◆ Exercise directions ◆
Find the lines holding the string "CompositionType" in the data, then copy all of them.

◆ Extracted data ◆
**********

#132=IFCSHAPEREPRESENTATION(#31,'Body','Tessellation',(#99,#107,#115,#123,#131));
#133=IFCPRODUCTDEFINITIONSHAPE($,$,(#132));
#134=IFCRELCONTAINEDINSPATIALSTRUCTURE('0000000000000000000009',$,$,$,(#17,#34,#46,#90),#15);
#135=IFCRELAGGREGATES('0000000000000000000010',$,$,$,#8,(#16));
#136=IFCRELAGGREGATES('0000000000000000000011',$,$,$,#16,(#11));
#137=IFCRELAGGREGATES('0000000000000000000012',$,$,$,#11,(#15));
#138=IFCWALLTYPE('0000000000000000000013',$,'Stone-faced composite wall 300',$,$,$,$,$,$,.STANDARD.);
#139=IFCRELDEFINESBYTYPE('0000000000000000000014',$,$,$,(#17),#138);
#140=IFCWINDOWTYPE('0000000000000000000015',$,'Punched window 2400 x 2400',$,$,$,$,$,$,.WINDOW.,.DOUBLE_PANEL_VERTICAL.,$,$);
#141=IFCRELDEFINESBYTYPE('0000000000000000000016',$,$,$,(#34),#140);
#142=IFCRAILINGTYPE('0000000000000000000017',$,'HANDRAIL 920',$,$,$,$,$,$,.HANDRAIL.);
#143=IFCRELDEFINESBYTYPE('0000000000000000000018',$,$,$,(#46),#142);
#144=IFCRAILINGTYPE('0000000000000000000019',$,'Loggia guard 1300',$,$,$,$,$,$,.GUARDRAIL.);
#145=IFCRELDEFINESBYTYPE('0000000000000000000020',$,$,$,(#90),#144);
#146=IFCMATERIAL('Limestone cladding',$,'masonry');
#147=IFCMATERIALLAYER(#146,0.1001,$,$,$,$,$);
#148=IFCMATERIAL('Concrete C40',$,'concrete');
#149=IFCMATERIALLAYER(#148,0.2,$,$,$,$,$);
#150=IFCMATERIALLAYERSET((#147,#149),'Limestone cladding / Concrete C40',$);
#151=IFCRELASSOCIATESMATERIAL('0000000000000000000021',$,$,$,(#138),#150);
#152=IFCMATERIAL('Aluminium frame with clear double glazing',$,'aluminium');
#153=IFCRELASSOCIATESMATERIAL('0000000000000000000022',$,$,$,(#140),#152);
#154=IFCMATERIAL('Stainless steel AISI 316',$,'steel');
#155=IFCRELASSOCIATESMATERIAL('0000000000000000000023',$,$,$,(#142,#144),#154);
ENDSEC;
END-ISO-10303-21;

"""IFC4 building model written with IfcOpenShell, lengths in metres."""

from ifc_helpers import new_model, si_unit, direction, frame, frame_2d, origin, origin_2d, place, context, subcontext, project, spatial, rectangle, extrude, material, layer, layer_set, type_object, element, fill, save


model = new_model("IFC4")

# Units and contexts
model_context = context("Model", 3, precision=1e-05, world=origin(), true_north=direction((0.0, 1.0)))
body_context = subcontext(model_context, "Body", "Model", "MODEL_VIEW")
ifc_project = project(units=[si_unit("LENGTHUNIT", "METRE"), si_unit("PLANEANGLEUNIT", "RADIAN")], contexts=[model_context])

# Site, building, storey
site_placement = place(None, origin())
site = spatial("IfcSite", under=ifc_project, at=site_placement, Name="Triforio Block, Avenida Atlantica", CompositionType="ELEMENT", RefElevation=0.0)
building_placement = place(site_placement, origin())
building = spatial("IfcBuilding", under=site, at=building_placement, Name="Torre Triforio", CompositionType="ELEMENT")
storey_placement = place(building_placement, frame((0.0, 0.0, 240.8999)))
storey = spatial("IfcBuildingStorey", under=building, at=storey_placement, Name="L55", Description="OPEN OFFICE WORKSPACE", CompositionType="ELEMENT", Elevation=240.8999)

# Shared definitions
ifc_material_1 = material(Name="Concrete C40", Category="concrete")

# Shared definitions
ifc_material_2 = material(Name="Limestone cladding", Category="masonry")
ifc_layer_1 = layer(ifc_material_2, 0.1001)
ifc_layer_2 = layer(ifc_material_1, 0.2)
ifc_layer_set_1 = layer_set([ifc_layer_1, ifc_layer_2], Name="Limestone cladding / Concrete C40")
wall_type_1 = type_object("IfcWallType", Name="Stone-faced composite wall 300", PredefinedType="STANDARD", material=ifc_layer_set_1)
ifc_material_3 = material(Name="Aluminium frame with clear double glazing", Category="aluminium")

**********

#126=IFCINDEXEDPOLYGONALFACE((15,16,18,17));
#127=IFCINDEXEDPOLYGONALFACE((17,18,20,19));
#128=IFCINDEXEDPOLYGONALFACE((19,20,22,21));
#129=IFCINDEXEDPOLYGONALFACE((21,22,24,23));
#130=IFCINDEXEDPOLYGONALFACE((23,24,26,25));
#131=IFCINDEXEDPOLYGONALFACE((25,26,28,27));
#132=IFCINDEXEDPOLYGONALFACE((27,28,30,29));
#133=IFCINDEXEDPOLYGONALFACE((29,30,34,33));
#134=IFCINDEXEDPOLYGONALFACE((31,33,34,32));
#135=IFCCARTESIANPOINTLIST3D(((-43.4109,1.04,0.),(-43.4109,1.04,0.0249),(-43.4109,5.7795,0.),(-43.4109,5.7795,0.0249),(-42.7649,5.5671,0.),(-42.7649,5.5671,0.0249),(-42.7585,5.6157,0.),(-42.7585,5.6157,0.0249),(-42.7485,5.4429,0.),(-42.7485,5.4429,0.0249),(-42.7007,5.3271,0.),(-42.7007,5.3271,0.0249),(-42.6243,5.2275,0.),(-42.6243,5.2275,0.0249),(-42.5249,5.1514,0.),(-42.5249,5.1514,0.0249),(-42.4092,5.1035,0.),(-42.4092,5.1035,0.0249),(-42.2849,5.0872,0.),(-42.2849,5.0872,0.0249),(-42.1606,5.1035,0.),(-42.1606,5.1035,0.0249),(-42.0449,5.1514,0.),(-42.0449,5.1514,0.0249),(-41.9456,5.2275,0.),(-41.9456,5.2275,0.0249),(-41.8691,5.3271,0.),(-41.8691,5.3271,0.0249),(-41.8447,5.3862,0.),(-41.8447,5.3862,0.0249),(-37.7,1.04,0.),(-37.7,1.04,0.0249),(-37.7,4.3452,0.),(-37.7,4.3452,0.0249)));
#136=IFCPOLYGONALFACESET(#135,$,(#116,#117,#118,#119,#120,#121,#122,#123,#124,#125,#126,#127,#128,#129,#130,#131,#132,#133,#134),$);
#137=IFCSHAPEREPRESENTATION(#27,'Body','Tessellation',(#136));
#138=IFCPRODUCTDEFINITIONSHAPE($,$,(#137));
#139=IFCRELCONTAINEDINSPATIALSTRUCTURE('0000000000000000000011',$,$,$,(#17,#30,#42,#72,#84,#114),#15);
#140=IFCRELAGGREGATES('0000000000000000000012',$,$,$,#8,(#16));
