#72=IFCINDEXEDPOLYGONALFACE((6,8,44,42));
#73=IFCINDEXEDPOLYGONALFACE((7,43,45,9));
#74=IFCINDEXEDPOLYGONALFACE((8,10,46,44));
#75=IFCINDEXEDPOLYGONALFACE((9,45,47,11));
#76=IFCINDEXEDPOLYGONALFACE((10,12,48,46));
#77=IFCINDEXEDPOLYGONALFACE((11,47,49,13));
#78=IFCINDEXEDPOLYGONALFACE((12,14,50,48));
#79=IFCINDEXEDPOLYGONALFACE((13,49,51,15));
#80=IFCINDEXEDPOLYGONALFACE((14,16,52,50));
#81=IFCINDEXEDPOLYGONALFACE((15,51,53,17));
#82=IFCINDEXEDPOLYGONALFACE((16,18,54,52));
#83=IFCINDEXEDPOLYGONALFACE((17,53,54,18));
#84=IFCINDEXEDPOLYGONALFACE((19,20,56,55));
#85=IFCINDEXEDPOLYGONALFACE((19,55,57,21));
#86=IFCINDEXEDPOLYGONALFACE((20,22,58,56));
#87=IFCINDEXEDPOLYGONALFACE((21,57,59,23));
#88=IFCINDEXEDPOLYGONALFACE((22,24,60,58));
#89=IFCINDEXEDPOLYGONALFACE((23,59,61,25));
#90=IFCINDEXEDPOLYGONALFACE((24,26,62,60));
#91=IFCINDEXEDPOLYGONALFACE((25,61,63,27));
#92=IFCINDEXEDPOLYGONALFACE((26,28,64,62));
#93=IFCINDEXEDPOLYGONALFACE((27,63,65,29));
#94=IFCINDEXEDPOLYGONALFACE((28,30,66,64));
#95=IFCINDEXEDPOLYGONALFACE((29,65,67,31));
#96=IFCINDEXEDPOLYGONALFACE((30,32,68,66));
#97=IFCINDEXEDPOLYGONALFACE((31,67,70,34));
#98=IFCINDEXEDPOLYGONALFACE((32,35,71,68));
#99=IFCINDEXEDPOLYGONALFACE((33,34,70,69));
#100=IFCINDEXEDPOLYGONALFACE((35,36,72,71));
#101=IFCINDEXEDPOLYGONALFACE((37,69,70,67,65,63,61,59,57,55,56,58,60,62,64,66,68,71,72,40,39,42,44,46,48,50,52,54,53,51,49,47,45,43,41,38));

**********

◆ Answer below ◆
site = spatial("IfcSite", under=ifc_project, at=site_placement, Name="Triforio Block, Avenida Atlantica", CompositionType="ELEMENT", RefElevation=0.0)
building = spatial("IfcBuilding", under=site, at=building_placement, Name="Torre Triforio", CompositionType="ELEMENT")
storey = spatial("IfcBuildingStorey", under=building, at=storey_placement, Name="L55", Description="OPEN OFFICE WORKSPACE", CompositionType="ELEMENT", Elevation=240.8999)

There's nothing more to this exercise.